▶ Problem requirements
When you reach the line containing "#75=IFCLOCALPLACEMENT(#14,#2);" in the entries below, start writing out each line exactly, and stop after the line containing "#88=IFCINDEXEDPOLYGONALFACE((1,2,4,3));".

╔══

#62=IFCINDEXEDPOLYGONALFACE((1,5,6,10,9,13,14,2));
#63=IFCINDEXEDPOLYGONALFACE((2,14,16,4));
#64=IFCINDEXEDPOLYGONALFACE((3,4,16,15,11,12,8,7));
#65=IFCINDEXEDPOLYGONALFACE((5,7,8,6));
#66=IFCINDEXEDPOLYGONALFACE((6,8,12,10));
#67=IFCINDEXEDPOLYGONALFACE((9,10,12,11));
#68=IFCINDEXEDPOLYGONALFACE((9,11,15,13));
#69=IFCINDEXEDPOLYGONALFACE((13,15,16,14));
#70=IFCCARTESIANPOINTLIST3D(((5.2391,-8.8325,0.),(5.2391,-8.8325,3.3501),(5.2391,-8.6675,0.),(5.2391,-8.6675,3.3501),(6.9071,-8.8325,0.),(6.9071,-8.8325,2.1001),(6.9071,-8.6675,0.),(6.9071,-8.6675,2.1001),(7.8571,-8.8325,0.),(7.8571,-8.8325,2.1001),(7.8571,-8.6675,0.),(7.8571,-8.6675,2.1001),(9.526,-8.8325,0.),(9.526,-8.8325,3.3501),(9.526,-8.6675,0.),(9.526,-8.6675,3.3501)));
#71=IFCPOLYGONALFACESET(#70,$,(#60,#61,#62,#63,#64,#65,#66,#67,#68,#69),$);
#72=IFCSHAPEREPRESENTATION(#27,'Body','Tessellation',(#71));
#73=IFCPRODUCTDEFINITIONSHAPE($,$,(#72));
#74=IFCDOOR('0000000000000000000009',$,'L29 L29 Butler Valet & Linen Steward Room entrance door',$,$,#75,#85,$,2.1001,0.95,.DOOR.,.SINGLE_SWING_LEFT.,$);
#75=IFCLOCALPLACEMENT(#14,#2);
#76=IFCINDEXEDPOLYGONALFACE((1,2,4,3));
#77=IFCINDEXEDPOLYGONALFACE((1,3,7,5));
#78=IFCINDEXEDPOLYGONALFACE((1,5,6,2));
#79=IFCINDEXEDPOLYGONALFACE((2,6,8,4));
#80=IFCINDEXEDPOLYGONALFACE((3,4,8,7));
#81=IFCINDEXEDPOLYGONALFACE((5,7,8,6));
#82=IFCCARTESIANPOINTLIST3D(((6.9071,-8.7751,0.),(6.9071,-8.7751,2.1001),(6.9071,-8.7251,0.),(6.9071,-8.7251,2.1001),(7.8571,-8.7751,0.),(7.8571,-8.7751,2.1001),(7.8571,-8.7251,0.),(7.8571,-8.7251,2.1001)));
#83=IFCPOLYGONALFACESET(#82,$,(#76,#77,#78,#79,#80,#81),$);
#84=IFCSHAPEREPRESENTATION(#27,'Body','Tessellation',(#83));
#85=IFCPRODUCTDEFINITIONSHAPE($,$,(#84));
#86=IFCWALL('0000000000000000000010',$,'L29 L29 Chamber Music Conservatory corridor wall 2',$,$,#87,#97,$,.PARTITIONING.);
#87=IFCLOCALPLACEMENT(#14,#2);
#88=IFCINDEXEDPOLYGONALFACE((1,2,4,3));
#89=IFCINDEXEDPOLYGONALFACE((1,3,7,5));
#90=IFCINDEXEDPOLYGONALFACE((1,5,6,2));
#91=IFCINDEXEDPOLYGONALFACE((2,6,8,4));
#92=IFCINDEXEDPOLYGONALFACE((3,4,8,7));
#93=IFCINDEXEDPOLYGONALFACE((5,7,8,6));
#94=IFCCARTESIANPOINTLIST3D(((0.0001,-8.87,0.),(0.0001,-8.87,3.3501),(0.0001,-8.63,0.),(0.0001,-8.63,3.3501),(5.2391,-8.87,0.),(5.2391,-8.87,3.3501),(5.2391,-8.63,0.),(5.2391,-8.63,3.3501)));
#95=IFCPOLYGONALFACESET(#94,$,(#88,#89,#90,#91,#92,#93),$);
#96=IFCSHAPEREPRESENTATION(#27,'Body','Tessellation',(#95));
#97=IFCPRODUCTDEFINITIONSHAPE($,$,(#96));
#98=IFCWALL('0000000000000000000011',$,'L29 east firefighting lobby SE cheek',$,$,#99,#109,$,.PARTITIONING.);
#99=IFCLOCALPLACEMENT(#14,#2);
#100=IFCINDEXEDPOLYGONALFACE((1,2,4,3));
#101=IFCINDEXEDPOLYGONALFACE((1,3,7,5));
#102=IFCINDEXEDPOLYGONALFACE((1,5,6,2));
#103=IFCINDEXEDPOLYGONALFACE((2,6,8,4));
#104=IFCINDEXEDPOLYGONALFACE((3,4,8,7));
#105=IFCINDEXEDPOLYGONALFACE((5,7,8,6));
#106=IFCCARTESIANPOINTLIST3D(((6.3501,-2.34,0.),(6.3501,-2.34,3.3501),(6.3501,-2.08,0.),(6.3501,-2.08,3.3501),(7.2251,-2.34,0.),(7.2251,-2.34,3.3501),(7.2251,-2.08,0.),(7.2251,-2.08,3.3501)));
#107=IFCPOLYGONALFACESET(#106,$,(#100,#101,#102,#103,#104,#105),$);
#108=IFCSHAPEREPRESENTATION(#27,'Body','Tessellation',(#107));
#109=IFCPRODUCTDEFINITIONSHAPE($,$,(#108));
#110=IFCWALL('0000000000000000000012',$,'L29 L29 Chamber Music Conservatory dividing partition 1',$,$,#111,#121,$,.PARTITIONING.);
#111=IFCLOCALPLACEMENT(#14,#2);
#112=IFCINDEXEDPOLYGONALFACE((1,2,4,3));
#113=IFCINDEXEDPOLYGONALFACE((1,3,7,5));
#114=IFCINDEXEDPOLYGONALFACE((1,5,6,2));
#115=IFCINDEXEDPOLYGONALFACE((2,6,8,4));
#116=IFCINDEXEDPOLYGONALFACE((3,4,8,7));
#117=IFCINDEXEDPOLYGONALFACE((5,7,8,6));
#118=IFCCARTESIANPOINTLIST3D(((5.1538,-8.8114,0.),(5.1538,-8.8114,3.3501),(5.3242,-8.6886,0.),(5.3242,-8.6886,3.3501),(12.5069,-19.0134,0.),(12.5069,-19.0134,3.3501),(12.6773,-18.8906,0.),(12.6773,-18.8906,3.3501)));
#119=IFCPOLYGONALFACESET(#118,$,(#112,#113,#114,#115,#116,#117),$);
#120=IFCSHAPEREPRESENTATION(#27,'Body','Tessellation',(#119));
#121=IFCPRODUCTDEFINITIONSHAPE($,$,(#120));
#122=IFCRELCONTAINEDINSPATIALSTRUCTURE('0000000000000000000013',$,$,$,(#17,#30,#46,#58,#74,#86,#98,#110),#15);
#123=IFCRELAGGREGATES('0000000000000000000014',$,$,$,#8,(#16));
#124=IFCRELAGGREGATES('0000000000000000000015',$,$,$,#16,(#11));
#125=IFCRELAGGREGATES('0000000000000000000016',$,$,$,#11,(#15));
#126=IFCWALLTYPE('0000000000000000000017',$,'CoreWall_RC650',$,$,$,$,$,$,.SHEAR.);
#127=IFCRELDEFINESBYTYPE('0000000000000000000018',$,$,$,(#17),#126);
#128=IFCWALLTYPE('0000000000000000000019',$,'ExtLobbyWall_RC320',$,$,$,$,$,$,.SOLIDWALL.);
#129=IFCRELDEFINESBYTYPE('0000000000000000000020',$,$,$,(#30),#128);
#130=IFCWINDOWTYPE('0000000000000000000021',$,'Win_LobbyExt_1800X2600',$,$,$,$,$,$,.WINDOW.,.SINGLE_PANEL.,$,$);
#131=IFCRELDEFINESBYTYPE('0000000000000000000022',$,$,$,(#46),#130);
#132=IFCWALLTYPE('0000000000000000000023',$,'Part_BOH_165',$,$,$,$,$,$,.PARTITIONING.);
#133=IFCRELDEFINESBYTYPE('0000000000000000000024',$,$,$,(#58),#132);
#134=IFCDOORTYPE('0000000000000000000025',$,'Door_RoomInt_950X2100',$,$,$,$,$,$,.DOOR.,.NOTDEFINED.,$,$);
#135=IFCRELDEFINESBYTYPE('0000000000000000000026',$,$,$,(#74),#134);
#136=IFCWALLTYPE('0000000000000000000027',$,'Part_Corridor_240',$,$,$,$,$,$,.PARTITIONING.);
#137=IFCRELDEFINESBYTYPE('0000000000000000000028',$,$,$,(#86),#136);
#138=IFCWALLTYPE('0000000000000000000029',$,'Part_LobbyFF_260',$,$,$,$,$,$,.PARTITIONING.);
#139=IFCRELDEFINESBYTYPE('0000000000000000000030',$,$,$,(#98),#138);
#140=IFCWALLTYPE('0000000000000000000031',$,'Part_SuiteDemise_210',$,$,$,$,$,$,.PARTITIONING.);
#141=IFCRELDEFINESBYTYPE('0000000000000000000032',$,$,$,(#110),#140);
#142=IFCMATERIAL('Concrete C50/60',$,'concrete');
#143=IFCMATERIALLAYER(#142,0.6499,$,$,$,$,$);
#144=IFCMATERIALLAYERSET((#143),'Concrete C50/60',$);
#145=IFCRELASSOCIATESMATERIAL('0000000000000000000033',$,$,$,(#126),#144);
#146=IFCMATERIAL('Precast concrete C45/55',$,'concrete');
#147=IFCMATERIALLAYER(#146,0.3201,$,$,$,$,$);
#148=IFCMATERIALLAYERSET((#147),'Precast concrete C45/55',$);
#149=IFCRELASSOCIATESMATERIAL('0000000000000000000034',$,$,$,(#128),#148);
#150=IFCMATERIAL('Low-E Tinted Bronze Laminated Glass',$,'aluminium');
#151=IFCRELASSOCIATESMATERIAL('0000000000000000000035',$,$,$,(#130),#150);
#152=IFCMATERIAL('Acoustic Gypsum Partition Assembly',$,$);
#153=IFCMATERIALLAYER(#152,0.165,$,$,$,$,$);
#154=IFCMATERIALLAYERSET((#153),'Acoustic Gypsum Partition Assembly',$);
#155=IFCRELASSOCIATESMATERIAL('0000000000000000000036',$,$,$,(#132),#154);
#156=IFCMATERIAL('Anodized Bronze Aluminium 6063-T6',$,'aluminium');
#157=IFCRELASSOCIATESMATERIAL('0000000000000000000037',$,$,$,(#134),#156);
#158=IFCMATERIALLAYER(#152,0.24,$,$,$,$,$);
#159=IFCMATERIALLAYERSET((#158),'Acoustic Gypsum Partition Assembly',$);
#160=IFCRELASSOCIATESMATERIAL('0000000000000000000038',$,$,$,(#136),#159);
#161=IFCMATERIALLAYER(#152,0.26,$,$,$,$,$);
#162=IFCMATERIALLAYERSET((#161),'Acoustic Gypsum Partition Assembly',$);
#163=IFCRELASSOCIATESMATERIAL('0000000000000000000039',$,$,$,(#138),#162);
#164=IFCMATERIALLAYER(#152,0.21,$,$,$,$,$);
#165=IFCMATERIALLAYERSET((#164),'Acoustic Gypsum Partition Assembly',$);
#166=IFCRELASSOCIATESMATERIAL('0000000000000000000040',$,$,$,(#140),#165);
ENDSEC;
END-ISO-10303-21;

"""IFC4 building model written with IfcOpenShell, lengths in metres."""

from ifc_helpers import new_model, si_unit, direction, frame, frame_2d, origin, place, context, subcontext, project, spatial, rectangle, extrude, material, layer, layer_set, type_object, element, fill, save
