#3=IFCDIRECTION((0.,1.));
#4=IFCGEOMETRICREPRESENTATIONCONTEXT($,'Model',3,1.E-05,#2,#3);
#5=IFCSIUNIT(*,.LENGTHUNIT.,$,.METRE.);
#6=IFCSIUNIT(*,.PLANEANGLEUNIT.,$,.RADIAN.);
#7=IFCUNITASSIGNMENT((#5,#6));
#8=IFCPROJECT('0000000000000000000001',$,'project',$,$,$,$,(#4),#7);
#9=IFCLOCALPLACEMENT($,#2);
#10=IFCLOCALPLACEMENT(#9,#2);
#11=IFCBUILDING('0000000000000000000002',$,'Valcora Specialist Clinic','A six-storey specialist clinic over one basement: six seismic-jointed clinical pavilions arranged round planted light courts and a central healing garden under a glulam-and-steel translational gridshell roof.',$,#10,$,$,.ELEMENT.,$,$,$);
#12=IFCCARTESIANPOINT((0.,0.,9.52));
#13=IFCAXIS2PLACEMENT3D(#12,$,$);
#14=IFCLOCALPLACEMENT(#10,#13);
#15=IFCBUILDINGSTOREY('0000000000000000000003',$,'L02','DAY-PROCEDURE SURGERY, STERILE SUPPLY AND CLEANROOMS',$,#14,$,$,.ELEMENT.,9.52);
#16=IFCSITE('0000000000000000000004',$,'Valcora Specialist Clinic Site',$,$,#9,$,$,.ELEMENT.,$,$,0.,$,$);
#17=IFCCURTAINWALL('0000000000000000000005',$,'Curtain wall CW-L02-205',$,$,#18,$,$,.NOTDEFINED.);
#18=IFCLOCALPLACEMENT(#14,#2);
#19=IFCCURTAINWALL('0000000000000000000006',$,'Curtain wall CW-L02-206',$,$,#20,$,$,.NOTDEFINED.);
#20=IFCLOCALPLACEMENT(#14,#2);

╚══

▶ Result of this task
#75=IFCLOCALPLACEMENT(#14,#2);
#76=IFCINDEXEDPOLYGONALFACE((1,2,4,3));
#77=IFCINDEXEDPOLYGONALFACE((1,3,7,5));
#78=IFCINDEXEDPOLYGONALFACE((1,5,6,2));
#79=IFCINDEXEDPOLYGONALFACE((2,6,8,4));
#80=IFCINDEXEDPOLYGONALFACE((3,4,8,7));
#81=IFCINDEXEDPOLYGONALFACE((5,7,8,6));
#82=IFCCARTESIANPOINTLIST3D(((6.9071,-8.7751,0.),(6.9071,-8.7751,2.1001),(6.9071,-8.7251,0.),(6.9071,-8.7251,2.1001),(7.8571,-8.7751,0.),(7.8571,-8.7751,2.1001),(7.8571,-8.7251,0.),(7.8571,-8.7251,2.1001)));
#83=IFCPOLYGONALFACESET(#82,$,(#76,#77,#78,#79,#80,#81),$);
#84=IFCSHAPEREPRESENTATION(#27,'Body','Tessellation',(#83));
#85=IFCPRODUCTDEFINITIONSHAPE($,$,(#84));
#86=IFCWALL('0000000000000000000010',$,'L29 L29 Chamber Music Conservatory corridor wall 2',$,$,#87,#97,$,.PARTITIONING.);
#87=IFCLOCALPLACEMENT(#14,#2);
#88=IFCINDEXEDPOLYGONALFACE((1,2,4,3));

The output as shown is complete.